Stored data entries

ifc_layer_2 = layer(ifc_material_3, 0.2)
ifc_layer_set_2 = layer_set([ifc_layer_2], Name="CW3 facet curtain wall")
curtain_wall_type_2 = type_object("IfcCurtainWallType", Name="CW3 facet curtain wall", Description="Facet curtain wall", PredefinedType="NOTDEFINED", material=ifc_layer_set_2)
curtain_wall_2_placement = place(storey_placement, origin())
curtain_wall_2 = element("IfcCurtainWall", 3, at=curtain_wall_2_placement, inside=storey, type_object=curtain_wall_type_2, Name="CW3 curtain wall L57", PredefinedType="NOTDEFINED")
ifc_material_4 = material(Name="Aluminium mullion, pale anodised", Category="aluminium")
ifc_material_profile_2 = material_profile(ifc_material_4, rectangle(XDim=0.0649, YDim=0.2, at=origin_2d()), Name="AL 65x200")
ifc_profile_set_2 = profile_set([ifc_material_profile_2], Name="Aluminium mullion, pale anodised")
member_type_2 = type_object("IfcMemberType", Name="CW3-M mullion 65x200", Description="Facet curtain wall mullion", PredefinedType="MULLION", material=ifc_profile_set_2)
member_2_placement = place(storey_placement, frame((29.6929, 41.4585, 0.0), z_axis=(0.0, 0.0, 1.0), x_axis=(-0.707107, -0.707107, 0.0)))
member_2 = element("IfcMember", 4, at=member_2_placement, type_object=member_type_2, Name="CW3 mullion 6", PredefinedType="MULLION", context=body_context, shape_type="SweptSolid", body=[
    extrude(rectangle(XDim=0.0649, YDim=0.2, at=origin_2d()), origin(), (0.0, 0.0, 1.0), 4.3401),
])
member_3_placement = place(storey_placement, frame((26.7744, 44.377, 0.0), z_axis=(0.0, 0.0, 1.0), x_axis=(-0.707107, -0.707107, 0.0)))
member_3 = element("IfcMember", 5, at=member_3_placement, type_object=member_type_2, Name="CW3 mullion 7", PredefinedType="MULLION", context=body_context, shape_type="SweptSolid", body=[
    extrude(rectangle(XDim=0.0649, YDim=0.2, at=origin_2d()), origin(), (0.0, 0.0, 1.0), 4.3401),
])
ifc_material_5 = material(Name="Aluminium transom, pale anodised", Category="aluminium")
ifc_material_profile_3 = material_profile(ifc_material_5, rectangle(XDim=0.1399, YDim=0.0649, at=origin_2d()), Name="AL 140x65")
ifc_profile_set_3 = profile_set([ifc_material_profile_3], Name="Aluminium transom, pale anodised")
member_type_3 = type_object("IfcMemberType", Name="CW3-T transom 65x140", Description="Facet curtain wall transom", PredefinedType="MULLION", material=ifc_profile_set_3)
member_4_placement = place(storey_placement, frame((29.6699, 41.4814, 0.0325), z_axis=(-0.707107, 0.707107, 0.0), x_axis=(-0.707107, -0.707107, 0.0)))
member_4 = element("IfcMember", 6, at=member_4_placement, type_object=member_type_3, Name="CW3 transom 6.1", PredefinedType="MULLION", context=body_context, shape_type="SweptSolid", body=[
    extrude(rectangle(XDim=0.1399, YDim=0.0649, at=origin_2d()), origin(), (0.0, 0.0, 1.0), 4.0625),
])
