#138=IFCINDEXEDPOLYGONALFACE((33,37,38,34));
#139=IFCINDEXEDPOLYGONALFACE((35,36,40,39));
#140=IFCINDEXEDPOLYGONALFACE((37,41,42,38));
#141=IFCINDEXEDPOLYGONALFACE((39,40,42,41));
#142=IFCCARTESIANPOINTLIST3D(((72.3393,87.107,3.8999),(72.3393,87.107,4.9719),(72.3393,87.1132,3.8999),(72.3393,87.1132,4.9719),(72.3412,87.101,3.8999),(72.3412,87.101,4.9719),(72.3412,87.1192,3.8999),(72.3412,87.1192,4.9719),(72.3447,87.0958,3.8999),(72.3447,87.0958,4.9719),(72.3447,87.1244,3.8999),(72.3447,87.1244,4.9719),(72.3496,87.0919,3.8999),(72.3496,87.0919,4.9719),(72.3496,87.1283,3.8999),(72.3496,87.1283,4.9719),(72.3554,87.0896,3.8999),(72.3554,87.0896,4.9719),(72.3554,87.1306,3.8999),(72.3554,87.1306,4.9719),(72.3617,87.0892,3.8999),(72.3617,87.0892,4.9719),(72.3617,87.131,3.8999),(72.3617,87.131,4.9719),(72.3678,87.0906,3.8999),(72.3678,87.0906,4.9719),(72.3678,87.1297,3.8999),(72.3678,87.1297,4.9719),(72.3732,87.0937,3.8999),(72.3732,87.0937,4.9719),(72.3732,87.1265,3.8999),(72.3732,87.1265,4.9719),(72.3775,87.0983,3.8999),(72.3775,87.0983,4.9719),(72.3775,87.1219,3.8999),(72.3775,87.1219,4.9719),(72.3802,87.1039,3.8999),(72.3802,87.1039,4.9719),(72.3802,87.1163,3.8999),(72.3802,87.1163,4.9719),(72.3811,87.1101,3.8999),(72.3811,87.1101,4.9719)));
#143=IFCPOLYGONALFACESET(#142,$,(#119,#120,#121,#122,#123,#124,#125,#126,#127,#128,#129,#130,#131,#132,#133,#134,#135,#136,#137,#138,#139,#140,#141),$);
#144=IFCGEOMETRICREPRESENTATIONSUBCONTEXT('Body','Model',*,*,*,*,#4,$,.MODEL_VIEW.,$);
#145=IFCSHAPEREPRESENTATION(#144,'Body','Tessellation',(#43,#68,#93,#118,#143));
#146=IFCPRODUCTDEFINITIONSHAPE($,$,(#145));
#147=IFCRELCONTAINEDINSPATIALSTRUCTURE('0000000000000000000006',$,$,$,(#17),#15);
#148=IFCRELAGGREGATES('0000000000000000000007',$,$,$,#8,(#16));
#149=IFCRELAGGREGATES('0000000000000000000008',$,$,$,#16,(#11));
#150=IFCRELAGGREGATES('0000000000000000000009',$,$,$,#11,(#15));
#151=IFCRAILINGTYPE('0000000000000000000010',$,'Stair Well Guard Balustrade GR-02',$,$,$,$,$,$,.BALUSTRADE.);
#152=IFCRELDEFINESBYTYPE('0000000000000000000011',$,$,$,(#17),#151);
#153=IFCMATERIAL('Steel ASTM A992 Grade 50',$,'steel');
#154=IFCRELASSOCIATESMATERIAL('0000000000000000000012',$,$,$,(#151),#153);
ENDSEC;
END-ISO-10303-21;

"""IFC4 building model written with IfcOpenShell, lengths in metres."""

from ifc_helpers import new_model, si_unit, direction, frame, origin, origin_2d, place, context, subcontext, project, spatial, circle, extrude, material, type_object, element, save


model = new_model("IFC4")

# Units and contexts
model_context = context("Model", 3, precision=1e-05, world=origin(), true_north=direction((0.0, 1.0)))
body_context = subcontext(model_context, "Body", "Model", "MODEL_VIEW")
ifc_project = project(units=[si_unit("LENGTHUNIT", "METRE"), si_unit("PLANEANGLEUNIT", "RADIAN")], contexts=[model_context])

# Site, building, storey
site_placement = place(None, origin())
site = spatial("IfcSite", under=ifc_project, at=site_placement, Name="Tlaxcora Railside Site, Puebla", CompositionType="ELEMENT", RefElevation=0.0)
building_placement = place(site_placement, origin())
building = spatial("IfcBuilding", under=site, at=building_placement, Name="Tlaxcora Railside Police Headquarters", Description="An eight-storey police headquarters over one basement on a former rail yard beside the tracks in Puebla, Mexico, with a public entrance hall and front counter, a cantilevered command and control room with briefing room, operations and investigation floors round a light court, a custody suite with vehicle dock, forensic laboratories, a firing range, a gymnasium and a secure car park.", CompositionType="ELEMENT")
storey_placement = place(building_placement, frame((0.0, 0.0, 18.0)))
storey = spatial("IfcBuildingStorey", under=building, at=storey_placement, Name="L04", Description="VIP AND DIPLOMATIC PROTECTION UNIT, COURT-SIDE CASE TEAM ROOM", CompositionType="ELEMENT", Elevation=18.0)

● **To do**:
Lines above with "under" in them are the ones to copy.

● **Problem solution**:
site = spatial("IfcSite", under=ifc_project, at=site_placement, Name="Tlaxcora Railside Site, Puebla", CompositionType="ELEMENT", RefElevation=0.0)
building = spatial("IfcBuilding", under=site, at=building_placement, Name="Tlaxcora Railside Police Headquarters", Description="An eight-storey police headquarters over one basement on a former rail yard beside the tracks in Puebla, Mexico, with a public entrance hall and front counter, a cantilevered command and control room with briefing room, operations and investigation floors round a light court, a custody suite with vehicle dock, forensic laboratories, a firing range, a gymnasium and a secure car park.", CompositionType="ELEMENT")
storey = spatial("IfcBuildingStorey", under=building, at=storey_placement, Name="L04", Description="VIP AND DIPLOMATIC PROTECTION UNIT, COURT-SIDE CASE TEAM ROOM", CompositionType="ELEMENT", Elevation=18.0)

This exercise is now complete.